:: Task material ::
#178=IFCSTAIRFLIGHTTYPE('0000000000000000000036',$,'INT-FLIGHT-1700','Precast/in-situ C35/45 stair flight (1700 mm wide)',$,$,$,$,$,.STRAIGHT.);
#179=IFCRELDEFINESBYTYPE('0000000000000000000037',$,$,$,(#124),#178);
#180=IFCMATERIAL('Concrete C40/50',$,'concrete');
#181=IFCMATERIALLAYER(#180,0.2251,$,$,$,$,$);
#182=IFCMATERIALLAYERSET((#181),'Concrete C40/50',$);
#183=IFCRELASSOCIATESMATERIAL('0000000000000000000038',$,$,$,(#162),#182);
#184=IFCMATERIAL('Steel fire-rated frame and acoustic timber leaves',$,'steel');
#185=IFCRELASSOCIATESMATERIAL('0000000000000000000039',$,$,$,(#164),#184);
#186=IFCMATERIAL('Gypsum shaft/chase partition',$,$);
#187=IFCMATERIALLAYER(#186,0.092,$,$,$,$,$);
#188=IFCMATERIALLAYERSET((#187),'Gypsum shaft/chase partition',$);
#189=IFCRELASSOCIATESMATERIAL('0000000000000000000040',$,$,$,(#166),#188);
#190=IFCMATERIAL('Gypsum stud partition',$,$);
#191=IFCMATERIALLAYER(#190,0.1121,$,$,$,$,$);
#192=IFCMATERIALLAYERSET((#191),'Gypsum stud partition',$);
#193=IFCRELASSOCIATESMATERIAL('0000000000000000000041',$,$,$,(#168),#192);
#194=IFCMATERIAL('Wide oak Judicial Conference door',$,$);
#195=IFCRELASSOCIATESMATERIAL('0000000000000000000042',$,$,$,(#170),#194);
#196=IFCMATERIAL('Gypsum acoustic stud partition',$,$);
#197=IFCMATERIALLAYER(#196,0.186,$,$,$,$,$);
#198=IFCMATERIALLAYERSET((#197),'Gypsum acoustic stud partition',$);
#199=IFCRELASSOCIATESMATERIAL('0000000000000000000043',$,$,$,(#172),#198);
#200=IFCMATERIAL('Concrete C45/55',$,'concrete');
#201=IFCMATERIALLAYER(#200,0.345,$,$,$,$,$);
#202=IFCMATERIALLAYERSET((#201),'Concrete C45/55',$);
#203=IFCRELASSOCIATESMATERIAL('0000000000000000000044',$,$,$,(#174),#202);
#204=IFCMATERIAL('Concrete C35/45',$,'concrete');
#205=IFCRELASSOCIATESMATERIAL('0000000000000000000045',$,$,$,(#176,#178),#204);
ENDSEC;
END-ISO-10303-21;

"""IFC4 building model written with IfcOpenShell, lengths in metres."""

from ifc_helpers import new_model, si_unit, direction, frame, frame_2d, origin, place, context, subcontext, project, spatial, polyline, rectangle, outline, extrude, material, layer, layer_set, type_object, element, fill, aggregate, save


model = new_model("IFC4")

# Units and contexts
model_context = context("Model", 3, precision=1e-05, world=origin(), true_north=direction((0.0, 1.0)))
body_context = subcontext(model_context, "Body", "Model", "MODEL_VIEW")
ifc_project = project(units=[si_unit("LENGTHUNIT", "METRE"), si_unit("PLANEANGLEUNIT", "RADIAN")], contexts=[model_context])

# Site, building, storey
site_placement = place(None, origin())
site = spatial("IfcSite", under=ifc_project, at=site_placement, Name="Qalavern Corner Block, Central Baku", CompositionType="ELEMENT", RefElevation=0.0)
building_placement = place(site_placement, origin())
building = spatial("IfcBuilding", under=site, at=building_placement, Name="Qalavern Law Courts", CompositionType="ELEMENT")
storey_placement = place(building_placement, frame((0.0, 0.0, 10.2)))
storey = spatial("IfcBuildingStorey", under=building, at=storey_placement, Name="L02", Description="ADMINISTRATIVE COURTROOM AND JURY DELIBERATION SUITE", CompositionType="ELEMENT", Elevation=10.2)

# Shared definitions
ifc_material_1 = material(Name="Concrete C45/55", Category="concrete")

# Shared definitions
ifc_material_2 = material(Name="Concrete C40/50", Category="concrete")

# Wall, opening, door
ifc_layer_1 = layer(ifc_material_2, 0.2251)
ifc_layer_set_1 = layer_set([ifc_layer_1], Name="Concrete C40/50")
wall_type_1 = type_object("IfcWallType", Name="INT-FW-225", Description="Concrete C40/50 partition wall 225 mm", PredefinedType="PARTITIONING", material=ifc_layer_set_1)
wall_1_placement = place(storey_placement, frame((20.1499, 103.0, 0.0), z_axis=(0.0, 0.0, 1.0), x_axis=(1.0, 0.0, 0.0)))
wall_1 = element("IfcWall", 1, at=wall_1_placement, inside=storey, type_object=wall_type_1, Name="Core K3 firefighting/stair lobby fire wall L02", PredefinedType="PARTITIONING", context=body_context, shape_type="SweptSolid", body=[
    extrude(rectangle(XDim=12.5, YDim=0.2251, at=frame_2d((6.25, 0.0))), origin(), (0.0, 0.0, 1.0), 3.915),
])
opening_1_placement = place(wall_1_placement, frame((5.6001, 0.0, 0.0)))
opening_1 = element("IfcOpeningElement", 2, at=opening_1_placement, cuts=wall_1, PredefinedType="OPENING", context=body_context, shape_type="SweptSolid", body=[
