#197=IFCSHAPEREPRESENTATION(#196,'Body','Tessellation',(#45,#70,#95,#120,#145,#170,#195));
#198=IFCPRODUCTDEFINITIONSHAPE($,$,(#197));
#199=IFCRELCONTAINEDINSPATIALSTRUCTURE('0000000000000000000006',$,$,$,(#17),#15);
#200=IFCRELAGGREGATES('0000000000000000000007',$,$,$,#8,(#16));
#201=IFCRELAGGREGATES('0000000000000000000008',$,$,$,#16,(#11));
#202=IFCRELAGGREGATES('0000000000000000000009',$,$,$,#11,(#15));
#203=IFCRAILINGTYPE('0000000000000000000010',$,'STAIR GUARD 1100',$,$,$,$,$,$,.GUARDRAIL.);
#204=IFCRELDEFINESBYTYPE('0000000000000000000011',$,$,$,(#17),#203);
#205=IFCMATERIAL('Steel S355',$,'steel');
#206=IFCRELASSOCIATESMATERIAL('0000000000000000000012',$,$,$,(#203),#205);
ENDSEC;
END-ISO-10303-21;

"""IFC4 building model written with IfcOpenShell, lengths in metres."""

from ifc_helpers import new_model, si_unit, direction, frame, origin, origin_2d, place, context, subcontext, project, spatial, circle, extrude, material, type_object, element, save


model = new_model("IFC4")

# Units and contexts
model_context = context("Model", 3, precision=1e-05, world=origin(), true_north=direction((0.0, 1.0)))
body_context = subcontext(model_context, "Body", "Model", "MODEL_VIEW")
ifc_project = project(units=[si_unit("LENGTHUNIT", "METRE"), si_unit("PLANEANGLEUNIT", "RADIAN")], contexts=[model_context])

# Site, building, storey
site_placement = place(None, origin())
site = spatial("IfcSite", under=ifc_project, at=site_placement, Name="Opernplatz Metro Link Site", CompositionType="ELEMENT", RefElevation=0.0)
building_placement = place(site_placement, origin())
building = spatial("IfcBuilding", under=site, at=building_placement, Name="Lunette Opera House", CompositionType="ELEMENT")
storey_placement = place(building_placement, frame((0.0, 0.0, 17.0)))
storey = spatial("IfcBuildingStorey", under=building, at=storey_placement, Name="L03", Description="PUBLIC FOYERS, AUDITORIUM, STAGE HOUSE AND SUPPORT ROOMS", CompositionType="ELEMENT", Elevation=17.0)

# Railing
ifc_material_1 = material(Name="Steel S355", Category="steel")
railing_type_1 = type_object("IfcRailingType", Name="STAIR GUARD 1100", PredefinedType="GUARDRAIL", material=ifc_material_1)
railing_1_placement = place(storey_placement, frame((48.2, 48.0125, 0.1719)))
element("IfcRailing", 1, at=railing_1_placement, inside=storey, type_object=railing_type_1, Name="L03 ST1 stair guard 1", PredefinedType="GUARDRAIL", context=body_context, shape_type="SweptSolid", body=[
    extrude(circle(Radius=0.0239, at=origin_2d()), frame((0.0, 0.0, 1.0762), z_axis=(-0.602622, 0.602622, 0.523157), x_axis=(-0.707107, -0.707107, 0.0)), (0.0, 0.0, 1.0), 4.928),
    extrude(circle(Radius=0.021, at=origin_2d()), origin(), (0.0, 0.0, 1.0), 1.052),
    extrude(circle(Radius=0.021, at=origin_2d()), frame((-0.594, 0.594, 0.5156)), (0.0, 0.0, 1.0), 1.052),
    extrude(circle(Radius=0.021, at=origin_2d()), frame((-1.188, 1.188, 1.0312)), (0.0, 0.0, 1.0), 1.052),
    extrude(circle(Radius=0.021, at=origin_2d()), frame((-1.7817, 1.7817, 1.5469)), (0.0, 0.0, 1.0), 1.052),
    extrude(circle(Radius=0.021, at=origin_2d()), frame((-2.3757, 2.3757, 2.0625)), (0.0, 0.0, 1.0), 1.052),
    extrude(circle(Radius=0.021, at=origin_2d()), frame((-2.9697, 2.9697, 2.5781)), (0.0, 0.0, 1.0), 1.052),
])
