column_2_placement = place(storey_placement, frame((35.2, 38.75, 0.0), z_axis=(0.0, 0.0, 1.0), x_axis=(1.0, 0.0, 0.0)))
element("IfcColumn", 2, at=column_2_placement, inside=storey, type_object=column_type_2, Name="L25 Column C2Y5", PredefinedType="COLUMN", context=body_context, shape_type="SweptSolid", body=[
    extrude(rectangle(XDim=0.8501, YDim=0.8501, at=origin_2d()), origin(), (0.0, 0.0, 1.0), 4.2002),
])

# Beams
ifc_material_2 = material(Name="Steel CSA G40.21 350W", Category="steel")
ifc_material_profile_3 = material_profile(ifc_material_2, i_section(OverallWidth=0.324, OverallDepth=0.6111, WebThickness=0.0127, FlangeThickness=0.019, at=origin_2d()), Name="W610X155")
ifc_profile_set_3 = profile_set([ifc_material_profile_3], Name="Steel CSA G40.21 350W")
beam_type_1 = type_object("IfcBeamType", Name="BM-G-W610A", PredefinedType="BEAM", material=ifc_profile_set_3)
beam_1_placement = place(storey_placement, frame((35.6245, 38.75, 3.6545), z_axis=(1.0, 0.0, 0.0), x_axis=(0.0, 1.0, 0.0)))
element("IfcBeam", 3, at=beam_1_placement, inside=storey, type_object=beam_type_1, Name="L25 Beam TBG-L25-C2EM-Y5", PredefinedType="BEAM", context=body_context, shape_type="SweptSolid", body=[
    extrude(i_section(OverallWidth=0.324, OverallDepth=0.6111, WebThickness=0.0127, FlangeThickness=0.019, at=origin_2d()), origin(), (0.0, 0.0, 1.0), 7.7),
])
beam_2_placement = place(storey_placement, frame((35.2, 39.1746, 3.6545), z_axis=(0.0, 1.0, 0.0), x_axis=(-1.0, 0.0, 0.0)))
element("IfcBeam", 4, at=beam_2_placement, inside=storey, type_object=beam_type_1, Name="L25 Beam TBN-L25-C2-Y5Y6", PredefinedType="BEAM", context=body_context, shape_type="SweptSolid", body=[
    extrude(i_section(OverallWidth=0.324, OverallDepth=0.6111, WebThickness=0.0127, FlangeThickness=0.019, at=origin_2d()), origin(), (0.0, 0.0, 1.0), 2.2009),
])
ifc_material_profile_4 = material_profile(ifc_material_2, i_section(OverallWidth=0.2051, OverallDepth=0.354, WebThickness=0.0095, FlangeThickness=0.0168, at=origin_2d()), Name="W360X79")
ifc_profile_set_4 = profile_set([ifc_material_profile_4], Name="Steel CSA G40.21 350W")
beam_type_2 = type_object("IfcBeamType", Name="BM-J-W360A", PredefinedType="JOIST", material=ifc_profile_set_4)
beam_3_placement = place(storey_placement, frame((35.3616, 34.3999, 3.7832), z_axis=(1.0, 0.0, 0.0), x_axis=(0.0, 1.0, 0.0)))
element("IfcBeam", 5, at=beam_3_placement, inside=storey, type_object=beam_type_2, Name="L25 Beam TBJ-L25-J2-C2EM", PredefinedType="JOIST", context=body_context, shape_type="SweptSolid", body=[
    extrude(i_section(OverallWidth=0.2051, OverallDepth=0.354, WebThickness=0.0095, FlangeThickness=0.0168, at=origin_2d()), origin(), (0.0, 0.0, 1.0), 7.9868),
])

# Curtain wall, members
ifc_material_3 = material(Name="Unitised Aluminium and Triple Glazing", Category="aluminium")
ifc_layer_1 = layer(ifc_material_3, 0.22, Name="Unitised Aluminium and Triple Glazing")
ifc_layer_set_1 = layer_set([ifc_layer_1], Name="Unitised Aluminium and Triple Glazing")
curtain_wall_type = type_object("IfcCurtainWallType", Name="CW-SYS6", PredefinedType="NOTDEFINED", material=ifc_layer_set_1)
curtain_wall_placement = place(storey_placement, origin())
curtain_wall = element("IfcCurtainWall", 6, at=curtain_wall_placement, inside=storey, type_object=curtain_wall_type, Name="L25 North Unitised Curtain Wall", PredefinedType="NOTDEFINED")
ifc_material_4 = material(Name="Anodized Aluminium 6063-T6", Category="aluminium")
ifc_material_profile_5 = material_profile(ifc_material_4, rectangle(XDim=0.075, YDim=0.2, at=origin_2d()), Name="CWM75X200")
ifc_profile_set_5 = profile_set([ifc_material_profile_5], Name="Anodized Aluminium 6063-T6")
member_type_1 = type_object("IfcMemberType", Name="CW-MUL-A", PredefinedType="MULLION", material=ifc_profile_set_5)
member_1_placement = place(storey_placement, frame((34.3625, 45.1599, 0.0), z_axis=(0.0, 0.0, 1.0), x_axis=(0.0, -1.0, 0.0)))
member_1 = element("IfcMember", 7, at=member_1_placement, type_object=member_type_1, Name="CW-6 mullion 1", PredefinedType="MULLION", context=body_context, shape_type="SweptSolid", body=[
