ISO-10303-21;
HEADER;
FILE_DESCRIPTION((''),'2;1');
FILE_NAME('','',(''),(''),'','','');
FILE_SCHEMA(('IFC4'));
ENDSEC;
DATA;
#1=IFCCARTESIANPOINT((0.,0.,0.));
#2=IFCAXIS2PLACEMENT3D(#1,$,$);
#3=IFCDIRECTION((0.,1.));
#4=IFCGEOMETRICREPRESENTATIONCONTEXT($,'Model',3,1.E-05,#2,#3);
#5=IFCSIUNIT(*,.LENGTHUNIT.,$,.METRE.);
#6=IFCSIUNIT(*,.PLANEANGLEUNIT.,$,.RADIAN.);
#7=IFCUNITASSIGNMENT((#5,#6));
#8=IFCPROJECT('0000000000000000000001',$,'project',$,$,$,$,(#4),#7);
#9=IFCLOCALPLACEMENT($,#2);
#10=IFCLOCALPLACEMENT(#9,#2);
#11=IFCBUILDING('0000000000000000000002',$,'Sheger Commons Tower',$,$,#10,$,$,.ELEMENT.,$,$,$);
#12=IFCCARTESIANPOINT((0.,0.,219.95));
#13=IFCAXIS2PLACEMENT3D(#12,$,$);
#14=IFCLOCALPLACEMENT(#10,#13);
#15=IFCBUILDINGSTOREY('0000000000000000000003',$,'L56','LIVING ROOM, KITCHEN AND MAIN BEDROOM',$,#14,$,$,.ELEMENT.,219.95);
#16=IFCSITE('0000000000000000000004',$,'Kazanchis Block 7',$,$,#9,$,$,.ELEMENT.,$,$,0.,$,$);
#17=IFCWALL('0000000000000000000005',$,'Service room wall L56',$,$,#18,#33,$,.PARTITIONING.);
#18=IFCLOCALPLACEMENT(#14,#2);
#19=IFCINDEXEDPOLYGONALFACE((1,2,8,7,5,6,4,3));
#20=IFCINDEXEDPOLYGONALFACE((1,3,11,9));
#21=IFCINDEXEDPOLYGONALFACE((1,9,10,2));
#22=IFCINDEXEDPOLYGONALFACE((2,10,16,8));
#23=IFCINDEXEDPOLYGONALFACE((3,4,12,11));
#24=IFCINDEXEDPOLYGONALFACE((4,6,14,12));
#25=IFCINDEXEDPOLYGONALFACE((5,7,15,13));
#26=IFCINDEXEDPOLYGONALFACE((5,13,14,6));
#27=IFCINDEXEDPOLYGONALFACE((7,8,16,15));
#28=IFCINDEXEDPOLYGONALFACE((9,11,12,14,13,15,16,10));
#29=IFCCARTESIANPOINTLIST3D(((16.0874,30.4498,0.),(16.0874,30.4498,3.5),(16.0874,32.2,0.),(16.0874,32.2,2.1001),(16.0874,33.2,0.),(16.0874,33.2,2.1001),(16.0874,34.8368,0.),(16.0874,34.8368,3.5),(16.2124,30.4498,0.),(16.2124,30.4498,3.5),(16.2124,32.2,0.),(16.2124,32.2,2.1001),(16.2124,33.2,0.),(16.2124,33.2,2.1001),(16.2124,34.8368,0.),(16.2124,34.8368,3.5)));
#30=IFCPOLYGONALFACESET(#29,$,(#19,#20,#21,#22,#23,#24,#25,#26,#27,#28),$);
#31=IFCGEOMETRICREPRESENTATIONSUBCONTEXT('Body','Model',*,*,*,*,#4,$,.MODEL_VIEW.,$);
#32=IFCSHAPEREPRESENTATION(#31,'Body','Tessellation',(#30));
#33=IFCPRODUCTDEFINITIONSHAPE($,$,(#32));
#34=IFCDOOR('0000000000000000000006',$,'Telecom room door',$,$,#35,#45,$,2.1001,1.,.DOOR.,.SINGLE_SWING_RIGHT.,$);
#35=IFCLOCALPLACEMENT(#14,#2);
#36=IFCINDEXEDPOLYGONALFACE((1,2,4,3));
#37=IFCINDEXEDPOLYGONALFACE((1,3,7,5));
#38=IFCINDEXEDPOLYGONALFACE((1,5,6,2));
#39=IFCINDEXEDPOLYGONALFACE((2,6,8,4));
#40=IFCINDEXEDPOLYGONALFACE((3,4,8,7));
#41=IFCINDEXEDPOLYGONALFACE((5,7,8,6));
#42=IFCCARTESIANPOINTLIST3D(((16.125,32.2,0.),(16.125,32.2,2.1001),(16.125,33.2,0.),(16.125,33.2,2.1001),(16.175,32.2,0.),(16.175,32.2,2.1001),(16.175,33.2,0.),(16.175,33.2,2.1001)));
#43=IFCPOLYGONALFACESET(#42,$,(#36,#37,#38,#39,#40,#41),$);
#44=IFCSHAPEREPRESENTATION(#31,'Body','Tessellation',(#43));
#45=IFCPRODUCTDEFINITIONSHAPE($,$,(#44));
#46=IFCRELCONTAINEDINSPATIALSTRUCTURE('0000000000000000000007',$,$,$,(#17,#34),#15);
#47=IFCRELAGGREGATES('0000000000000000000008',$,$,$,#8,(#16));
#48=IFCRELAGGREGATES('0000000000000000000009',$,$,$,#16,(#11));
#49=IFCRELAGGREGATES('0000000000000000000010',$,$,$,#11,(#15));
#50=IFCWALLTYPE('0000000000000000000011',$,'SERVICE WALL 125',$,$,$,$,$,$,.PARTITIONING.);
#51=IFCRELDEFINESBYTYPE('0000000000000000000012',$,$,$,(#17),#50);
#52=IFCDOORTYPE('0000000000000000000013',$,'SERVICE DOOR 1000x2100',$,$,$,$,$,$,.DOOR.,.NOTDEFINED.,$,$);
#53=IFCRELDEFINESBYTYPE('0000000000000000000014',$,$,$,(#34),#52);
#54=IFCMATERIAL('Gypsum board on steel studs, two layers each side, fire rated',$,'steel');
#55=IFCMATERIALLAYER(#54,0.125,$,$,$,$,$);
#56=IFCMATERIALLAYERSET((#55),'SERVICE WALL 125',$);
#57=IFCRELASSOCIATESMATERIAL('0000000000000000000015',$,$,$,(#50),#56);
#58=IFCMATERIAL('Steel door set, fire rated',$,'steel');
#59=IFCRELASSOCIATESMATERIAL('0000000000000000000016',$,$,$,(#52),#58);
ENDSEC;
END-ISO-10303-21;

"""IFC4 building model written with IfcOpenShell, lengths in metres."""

from ifc_helpers import new_model, si_unit, direction, frame, frame_2d, origin, place, context, subcontext, project, spatial, rectangle, extrude, material, layer, layer_set, type_object, element, fill, save


model = new_model("IFC4")

# Units and contexts
model_context = context("Model", 3, precision=1e-05, world=origin(), true_north=direction((0.0, 1.0)))
body_context = subcontext(model_context, "Body", "Model", "MODEL_VIEW")
ifc_project = project(units=[si_unit("LENGTHUNIT", "METRE"), si_unit("PLANEANGLEUNIT", "RADIAN")], contexts=[model_context])

# Site, building, storey
site_placement = place(None, origin())
site = spatial("IfcSite", under=ifc_project, at=site_placement, Name="Kazanchis Block 7", CompositionType="ELEMENT", RefElevation=0.0)
building_placement = place(site_placement, origin())
building = spatial("IfcBuilding", under=site, at=building_placement, Name="Sheger Commons Tower", CompositionType="ELEMENT")
storey_placement = place(building_placement, frame((0.0, 0.0, 219.95)))
storey = spatial("IfcBuildingStorey", under=building, at=storey_placement, Name="L56", Description="LIVING ROOM, KITCHEN AND MAIN BEDROOM", CompositionType="ELEMENT", Elevation=219.95)

# Shared definitions
ifc_material_1 = material(Name="Gypsum board on steel studs, two layers each side, fire rated", Category="steel")
ifc_layer_1 = layer(ifc_material_1, 0.125)
ifc_layer_set_1 = layer_set([ifc_layer_1], Name="SERVICE WALL 125")
wall_type_1 = type_object("IfcWallType", Name="SERVICE WALL 125", PredefinedType="PARTITIONING", material=ifc_layer_set_1)
ifc_material_2 = material(Name="Steel door set, fire rated", Category="steel")
door_type_1 = type_object("IfcDoorType", Name="SERVICE DOOR 1000x2100", OperationType="NOTDEFINED", PredefinedType="DOOR", material=ifc_material_2)

# Wall, opening, door
wall_1_placement = place(storey_placement, frame((16.1499, 30.45, 0.0), z_axis=(0.0, 0.0, 1.0), x_axis=(0.0, 1.0, 0.0)))
wall_1 = element("IfcWall", 1, at=wall_1_placement, inside=storey, type_object=wall_type_1, Name="Service room wall L56", PredefinedType="PARTITIONING", context=body_context, shape_type="SweptSolid", body=[
    extrude(rectangle(XDim=4.387, YDim=0.125, at=frame_2d((2.1934, 0.0))), origin(), (0.0, 0.0, 1.0), 3.5),
])
opening_1_placement = place(wall_1_placement, frame((1.75, 0.0, 0.0)))
opening_1 = element("IfcOpeningElement", 2, at=opening_1_placement, cuts=wall_1, PredefinedType="OPENING", context=body_context, shape_type="SweptSolid", body=[
    extrude(rectangle(XDim=1.0, YDim=2.1001, at=frame_2d((0.5, 1.05))), frame((0.0, 0.0725, 0.0), z_axis=(0.0, -1.0, 0.0), x_axis=(1.0, 0.0, 0.0)), (0.0, 0.0, 1.0), 0.145),
])
door_1_placement = place(opening_1_placement, origin())
door_1 = element("IfcDoor", 3, at=door_1_placement, inside=storey, type_object=door_type_1, Name="Telecom room door", OperationType="SINGLE_SWING_RIGHT", OverallHeight=2.1001, OverallWidth=1.0, PredefinedType="DOOR", context=body_context, shape_type="SweptSolid", body=[
    extrude(rectangle(XDim=1.0, YDim=2.1001, at=frame_2d((0.5, 1.05))), frame((0.0, 0.0249, 0.0), z_axis=(0.0, -1.0, 0.0), x_axis=(1.0, 0.0, 0.0)), (0.0, 0.0, 1.0), 0.05),
])
fill(opening_1, door_1)

save(model, "model.ifc")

:: Exercise ::
Write out word for word only the lines from the start of the entries down to the line with "#182=IFCMATERIALLAYERSET((#181),'Concrete C40/50',$);", please, including both ends.

:: Answer to this exercise ::
#178=IFCSTAIRFLIGHTTYPE('0000000000000000000036',$,'INT-FLIGHT-1700','Precast/in-situ C35/45 stair flight (1700 mm wide)',$,$,$,$,$,.STRAIGHT.);
#179=IFCRELDEFINESBYTYPE('0000000000000000000037',$,$,$,(#124),#178);
#180=IFCMATERIAL('Concrete C40/50',$,'concrete');
#181=IFCMATERIALLAYER(#180,0.2251,$,$,$,$,$);
#182=IFCMATERIALLAYERSET((#181),'Concrete C40/50',$);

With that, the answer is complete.